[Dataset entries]
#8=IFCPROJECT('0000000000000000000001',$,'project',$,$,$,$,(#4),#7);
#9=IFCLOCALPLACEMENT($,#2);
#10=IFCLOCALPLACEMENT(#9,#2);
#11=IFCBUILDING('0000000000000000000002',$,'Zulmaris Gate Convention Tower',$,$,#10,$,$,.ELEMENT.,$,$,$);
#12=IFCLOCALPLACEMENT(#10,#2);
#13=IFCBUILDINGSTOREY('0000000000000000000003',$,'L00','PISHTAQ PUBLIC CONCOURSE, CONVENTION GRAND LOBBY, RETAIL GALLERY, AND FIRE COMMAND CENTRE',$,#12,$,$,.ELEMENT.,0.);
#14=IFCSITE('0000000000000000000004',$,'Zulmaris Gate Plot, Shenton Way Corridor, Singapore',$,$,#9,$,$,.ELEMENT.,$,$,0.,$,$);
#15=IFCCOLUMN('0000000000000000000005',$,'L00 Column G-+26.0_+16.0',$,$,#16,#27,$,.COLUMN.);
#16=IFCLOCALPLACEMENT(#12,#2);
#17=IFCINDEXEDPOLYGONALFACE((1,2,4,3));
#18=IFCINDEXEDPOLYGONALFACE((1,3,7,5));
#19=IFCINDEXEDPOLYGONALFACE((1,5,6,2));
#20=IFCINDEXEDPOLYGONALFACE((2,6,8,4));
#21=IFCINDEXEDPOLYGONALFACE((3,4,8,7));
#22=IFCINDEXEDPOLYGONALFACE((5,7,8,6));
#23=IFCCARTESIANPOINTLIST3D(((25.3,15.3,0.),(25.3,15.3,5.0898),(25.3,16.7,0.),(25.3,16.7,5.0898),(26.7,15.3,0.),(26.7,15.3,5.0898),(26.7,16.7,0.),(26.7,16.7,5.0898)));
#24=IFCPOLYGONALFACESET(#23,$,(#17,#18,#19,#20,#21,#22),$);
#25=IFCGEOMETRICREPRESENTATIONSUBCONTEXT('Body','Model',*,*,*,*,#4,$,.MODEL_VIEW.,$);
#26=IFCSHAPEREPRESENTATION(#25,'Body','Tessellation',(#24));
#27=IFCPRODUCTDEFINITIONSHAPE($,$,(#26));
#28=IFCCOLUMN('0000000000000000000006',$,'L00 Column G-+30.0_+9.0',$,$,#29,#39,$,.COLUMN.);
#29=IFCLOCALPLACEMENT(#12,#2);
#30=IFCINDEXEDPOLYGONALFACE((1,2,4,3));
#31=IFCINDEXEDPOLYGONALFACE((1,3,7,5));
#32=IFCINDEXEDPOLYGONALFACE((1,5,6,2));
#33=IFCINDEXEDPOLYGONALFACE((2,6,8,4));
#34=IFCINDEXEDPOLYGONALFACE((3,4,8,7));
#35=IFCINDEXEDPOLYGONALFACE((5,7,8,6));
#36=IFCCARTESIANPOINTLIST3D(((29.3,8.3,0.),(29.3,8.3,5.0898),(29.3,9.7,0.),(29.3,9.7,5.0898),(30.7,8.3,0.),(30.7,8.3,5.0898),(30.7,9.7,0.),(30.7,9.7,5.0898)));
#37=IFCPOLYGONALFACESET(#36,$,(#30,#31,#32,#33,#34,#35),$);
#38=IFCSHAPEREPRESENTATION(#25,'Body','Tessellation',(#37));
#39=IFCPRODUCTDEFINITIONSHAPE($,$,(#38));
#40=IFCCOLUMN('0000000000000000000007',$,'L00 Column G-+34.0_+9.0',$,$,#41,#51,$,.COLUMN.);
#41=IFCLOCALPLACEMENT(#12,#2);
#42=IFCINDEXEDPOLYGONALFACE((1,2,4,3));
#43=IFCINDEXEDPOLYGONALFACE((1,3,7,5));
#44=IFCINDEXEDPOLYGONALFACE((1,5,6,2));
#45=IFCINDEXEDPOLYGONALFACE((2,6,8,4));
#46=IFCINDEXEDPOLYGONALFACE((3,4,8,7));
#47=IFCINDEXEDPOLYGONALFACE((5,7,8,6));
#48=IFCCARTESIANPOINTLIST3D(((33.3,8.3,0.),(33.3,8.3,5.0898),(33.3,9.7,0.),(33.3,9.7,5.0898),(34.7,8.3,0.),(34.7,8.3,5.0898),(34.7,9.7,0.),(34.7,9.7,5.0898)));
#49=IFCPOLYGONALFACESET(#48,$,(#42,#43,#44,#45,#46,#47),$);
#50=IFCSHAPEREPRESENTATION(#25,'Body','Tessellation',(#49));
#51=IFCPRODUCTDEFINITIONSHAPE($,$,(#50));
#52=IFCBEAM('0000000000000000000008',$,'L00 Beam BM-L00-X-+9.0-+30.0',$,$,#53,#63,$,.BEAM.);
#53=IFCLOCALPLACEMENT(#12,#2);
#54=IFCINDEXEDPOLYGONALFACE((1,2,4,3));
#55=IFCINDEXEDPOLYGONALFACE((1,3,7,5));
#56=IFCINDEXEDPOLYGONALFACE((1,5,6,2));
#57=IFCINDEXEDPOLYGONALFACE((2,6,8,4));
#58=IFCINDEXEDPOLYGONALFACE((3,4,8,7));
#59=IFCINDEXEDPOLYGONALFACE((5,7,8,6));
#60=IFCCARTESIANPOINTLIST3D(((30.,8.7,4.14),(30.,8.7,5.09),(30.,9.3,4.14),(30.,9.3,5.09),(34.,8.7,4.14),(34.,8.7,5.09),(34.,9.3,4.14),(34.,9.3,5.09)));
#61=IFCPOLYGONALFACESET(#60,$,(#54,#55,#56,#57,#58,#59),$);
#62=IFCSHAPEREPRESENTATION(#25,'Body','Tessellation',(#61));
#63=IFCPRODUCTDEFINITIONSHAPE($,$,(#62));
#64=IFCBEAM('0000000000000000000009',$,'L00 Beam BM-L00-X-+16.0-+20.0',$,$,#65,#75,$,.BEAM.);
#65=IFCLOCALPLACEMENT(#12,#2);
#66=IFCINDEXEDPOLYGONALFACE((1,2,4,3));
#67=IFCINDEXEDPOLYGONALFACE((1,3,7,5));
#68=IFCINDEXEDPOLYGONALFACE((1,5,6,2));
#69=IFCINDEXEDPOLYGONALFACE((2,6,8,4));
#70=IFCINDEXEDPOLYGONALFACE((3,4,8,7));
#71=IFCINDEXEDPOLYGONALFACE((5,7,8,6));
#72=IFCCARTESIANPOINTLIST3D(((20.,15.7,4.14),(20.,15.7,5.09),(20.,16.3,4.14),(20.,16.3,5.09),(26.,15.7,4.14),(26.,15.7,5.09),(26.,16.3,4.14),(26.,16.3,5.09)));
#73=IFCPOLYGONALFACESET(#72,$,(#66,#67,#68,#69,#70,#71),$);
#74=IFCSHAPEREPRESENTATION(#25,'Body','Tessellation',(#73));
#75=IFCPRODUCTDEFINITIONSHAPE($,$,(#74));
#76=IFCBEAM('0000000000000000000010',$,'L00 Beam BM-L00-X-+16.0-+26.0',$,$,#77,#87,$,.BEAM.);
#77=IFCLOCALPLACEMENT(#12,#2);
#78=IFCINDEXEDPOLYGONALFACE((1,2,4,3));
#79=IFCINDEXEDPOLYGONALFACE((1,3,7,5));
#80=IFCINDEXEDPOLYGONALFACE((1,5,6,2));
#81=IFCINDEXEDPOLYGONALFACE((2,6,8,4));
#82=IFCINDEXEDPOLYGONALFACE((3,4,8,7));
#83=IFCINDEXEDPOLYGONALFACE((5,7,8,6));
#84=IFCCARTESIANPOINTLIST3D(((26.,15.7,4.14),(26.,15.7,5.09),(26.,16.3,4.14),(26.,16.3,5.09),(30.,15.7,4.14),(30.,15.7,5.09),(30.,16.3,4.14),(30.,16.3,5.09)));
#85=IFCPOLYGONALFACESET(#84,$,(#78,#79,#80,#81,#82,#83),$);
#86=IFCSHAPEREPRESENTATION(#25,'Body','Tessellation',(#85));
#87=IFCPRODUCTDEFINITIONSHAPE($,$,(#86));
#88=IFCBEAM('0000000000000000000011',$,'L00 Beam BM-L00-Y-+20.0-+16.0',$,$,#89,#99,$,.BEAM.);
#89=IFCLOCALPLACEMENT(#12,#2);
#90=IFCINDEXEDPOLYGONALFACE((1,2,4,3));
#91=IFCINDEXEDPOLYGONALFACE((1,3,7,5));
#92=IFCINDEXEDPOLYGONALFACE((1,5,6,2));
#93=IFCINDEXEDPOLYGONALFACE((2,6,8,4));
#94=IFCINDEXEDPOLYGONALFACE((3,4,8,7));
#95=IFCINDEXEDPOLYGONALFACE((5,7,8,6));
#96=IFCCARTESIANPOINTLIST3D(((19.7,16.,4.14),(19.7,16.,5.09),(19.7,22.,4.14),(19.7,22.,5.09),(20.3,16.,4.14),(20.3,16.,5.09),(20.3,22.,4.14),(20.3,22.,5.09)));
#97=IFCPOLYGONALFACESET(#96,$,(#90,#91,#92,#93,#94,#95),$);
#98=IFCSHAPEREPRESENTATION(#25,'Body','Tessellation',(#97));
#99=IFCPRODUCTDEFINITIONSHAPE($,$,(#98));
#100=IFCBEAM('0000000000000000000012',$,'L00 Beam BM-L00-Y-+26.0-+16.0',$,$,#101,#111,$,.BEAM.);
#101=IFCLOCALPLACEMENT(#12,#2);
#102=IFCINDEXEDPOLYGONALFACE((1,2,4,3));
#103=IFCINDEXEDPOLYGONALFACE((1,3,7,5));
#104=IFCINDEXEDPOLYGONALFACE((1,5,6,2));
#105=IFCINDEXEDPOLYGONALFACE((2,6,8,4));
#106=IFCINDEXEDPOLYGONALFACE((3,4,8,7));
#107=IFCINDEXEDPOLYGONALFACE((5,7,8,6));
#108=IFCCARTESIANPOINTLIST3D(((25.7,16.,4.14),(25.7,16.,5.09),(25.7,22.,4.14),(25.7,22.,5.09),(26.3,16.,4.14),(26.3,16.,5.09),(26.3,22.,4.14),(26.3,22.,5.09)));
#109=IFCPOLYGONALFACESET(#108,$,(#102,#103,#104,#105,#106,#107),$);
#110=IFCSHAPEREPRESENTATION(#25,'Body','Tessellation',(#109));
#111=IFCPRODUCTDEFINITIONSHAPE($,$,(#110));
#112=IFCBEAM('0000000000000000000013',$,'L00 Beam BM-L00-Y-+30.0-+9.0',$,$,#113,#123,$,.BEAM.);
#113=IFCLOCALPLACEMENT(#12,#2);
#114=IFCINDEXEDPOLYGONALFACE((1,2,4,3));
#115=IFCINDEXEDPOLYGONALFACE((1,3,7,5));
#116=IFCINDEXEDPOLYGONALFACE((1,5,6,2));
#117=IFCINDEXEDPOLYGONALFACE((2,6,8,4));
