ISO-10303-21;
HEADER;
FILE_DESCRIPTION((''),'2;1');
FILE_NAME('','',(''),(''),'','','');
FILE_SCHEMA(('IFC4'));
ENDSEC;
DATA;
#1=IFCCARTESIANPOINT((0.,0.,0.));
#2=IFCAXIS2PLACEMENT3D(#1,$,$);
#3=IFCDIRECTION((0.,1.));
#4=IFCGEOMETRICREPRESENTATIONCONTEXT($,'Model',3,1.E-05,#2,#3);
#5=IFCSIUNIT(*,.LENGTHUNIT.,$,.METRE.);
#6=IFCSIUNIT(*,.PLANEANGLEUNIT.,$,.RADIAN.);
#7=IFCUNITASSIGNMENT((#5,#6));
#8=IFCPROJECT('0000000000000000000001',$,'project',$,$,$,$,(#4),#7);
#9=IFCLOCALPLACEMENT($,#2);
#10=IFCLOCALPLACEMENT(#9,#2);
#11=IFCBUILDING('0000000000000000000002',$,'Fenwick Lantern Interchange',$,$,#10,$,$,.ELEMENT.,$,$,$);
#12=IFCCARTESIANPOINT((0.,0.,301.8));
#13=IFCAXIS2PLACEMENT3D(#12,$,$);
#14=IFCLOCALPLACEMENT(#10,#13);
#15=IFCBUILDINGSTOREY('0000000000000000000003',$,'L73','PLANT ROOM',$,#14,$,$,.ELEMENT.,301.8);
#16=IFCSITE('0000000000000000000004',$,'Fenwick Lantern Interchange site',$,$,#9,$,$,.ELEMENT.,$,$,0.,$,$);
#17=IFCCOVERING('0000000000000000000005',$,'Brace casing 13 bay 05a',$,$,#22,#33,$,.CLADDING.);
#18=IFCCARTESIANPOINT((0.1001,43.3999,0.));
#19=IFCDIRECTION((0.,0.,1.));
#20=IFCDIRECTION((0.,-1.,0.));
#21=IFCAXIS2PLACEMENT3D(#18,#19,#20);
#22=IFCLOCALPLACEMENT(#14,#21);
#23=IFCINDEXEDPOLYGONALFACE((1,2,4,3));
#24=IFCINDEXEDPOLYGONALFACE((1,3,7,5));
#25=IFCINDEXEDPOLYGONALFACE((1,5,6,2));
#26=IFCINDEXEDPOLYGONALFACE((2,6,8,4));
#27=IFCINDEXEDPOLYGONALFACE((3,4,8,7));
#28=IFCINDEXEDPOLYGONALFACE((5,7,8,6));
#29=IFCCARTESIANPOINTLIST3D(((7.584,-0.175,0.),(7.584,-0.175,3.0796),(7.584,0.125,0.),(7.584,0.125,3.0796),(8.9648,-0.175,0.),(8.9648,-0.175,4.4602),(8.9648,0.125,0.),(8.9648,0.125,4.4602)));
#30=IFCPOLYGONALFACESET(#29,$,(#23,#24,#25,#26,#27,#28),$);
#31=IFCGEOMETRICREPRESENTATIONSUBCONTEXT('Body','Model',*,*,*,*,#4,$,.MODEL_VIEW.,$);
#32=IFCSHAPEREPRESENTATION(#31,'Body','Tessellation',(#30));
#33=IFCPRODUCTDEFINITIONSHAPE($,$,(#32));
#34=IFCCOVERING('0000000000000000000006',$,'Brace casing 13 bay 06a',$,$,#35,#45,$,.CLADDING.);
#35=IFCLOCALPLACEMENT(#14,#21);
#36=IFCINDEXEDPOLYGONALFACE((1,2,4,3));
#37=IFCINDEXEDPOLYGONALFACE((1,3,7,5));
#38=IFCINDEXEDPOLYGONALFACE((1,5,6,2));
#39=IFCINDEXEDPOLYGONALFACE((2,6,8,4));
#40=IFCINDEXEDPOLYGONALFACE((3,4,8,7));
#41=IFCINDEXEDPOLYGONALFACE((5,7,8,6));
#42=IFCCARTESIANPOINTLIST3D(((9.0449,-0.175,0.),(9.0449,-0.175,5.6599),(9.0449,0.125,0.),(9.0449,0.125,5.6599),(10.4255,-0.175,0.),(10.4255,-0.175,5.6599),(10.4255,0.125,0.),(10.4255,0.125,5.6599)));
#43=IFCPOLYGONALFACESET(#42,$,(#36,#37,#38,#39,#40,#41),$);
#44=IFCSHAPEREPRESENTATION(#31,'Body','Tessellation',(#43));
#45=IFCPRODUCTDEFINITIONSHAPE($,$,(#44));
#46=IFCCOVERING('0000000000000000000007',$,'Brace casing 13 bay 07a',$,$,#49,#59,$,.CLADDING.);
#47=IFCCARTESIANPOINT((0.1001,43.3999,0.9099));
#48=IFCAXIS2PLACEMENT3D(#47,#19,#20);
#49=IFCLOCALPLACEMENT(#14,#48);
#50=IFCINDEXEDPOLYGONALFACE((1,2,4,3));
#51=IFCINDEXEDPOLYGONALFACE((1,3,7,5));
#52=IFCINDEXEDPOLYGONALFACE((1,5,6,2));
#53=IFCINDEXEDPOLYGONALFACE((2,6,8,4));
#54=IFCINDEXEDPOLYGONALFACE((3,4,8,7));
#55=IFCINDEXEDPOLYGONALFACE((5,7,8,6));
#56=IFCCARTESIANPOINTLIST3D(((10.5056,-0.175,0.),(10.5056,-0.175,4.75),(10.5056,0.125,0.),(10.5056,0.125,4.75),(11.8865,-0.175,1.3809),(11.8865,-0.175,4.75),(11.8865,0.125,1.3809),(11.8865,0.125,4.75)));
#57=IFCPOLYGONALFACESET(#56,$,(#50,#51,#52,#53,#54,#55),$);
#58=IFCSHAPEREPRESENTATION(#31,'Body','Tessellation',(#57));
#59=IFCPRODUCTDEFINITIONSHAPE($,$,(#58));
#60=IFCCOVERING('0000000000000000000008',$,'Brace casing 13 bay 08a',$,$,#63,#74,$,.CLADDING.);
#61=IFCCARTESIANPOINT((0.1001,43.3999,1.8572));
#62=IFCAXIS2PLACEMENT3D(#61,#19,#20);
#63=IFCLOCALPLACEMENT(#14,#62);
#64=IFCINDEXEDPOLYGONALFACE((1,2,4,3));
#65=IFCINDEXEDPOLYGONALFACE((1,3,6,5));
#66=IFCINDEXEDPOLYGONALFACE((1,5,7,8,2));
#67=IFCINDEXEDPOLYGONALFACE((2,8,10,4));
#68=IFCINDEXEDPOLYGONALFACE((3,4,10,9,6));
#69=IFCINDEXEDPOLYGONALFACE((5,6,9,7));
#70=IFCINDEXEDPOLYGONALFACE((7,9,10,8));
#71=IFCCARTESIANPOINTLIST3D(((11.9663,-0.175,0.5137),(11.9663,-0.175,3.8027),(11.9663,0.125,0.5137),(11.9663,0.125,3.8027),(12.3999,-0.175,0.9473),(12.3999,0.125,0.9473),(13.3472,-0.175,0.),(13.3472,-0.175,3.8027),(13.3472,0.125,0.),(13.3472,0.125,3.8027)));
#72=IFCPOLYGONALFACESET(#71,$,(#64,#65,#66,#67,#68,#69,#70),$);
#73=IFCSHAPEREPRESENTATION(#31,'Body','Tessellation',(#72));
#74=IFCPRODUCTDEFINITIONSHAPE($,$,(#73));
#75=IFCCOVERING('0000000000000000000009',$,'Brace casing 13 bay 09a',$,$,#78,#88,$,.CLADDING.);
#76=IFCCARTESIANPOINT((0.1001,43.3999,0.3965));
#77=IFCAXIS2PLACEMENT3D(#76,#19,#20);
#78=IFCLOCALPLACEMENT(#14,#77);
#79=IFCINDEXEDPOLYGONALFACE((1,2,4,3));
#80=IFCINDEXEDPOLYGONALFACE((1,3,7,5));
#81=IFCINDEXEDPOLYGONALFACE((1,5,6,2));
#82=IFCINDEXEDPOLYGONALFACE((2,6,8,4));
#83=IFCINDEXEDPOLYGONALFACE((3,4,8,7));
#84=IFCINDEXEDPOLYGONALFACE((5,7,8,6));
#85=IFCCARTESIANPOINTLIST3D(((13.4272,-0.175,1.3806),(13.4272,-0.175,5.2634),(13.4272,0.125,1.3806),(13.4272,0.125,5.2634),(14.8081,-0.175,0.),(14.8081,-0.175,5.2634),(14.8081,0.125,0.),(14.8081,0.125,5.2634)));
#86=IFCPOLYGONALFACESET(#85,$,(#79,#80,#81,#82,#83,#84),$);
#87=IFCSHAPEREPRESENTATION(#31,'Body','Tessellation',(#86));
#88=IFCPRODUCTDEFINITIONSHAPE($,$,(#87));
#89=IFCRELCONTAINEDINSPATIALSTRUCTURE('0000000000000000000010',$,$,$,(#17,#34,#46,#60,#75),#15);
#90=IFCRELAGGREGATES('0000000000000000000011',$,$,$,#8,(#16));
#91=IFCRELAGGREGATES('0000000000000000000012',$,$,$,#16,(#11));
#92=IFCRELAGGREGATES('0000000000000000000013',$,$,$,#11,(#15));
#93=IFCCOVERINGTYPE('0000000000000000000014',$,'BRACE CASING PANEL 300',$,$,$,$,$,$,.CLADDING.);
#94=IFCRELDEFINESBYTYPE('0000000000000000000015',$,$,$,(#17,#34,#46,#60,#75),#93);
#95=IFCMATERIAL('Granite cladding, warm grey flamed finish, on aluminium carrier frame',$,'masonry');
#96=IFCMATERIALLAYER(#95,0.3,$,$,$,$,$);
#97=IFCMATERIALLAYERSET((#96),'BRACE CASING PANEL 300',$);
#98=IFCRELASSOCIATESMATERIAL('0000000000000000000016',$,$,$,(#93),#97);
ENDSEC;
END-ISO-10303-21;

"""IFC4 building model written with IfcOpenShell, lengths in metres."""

from ifc_helpers import new_model, si_unit, direction, frame, origin, place, context, subcontext, project, spatial, polyline, outline, extrude, material, layer, layer_set, type_object, element, save


model = new_model("IFC4")

# Units and contexts
model_context = context("Model", 3, precision=1e-05, world=origin(), true_north=direction((0.0, 1.0)))
body_context = subcontext(model_context, "Body", "Model", "MODEL_VIEW")
ifc_project = project(units=[si_unit("LENGTHUNIT", "METRE"), si_unit("PLANEANGLEUNIT", "RADIAN")], contexts=[model_context])

# Site, building, storey
site_placement = place(None, origin())
site = spatial("IfcSite", under=ifc_project, at=site_placement, Name="Fenwick Lantern Interchange site", CompositionType="ELEMENT", RefElevation=0.0)
building_placement = place(site_placement, origin())
building = spatial("IfcBuilding", under=site, at=building_placement, Name="Fenwick Lantern Interchange", CompositionType="ELEMENT")
storey_placement = place(building_placement, frame((0.0, 0.0, 301.8)))
storey = spatial("IfcBuildingStorey", under=building, at=storey_placement, Name="L73", Description="PLANT ROOM", CompositionType="ELEMENT", Elevation=301.8)

# Coverings
ifc_material_1 = material(Name="Granite cladding, warm grey flamed finish, on aluminium carrier frame", Category="masonry")
ifc_layer_1 = layer(ifc_material_1, 0.3)
ifc_layer_set_1 = layer_set([ifc_layer_1], Name="BRACE CASING PANEL 300")
covering_type = type_object("IfcCoveringType", Name="BRACE CASING PANEL 300", PredefinedType="CLADDING", material=ifc_layer_set_1)
covering_1_placement = place(storey_placement, frame((0.1001, 43.3999, 0.0), z_axis=(0.0, 0.0, 1.0), x_axis=(0.0, -1.0, 0.0)))
element("IfcCovering", 1, at=covering_1_placement, inside=storey, type_object=covering_type, Name="Brace casing 13 bay 05a", PredefinedType="CLADDING", context=body_context, shape_type="SweptSolid", body=[
    extrude(outline(polyline([(7.584, 0.0), (8.9648, 0.0), (8.9648, 4.4602), (7.584, 3.0796), (7.584, 0.0)])), frame((0.0, 0.125, 0.0), z_axis=(0.0, -1.0, 0.0), x_axis=(1.0, 0.0, 0.0)), (0.0, 0.0, 1.0), 0.3),
])
covering_2_placement = place(storey_placement, frame((0.1001, 43.3999, 0.0), z_axis=(0.0, 0.0, 1.0), x_axis=(0.0, -1.0, 0.0)))
element("IfcCovering", 2, at=covering_2_placement, inside=storey, type_object=covering_type, Name="Brace casing 13 bay 06a", PredefinedType="CLADDING", context=body_context, shape_type="SweptSolid", body=[
    extrude(outline(polyline([(9.0449, 0.0), (10.4255, 0.0), (10.4255, 5.6599), (9.0449, 5.6599), (9.0449, 0.0)])), frame((0.0, 0.125, 0.0), z_axis=(0.0, -1.0, 0.0), x_axis=(1.0, 0.0, 0.0)), (0.0, 0.0, 1.0), 0.3),
])
covering_3_placement = place(storey_placement, frame((0.1001, 43.3999, 0.9099), z_axis=(0.0, 0.0, 1.0), x_axis=(0.0, -1.0, 0.0)))
element("IfcCovering", 3, at=covering_3_placement, inside=storey, type_object=covering_type, Name="Brace casing 13 bay 07a", PredefinedType="CLADDING", context=body_context, shape_type="SweptSolid", body=[
    extrude(outline(polyline([(10.5056, 0.0), (11.8865, 1.3809), (11.8865, 4.75), (10.5056, 4.75), (10.5056, 0.0)])), frame((0.0, 0.125, 0.0), z_axis=(0.0, -1.0, 0.0), x_axis=(1.0, 0.0, 0.0)), (0.0, 0.0, 1.0), 0.3),
])
covering_4_placement = place(storey_placement, frame((0.1001, 43.3999, 1.8572), z_axis=(0.0, 0.0, 1.0), x_axis=(0.0, -1.0, 0.0)))
element("IfcCovering", 4, at=covering_4_placement, inside=storey, type_object=covering_type, Name="Brace casing 13 bay 08a", PredefinedType="CLADDING", context=body_context, shape_type="SweptSolid", body=[
    extrude(outline(polyline([(13.3472, 0.0), (13.3472, 3.8027), (11.9663, 3.8027), (11.9663, 0.5137), (12.3999, 0.9473), (13.3472, 0.0)])), frame((0.0, 0.125, 0.0), z_axis=(0.0, -1.0, 0.0), x_axis=(1.0, 0.0, 0.0)), (0.0, 0.0, 1.0), 0.3),
])
covering_5_placement = place(storey_placement, frame((0.1001, 43.3999, 0.3965), z_axis=(0.0, 0.0, 1.0), x_axis=(0.0, -1.0, 0.0)))
element("IfcCovering", 5, at=covering_5_placement, inside=storey, type_object=covering_type, Name="Brace casing 13 bay 09a", PredefinedType="CLADDING", context=body_context, shape_type="SweptSolid", body=[
    extrude(outline(polyline([(14.8081, 0.0), (14.8081, 5.2634), (13.4272, 5.2634), (13.4272, 1.3806), (14.8081, 0.0)])), frame((0.0, 0.125, 0.0), z_axis=(0.0, -1.0, 0.0), x_axis=(1.0, 0.0, 0.0)), (0.0, 0.0, 1.0), 0.3),
])

save(model, "model.ifc")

Exercise: All lines of the entries containing the string "IFCGEOMETRICREPRESENTATIONSUBCONTEXT" must be shown in full.

Solution to the problem:
#25=IFCGEOMETRICREPRESENTATIONSUBCONTEXT('Body','Model',*,*,*,*,#4,$,.MODEL_VIEW.,$);
#31=IFCGEOMETRICREPRESENTATIONSUBCONTEXT('Body','Model',*,*,*,*,#4,$,.MODEL_VIEW.,$);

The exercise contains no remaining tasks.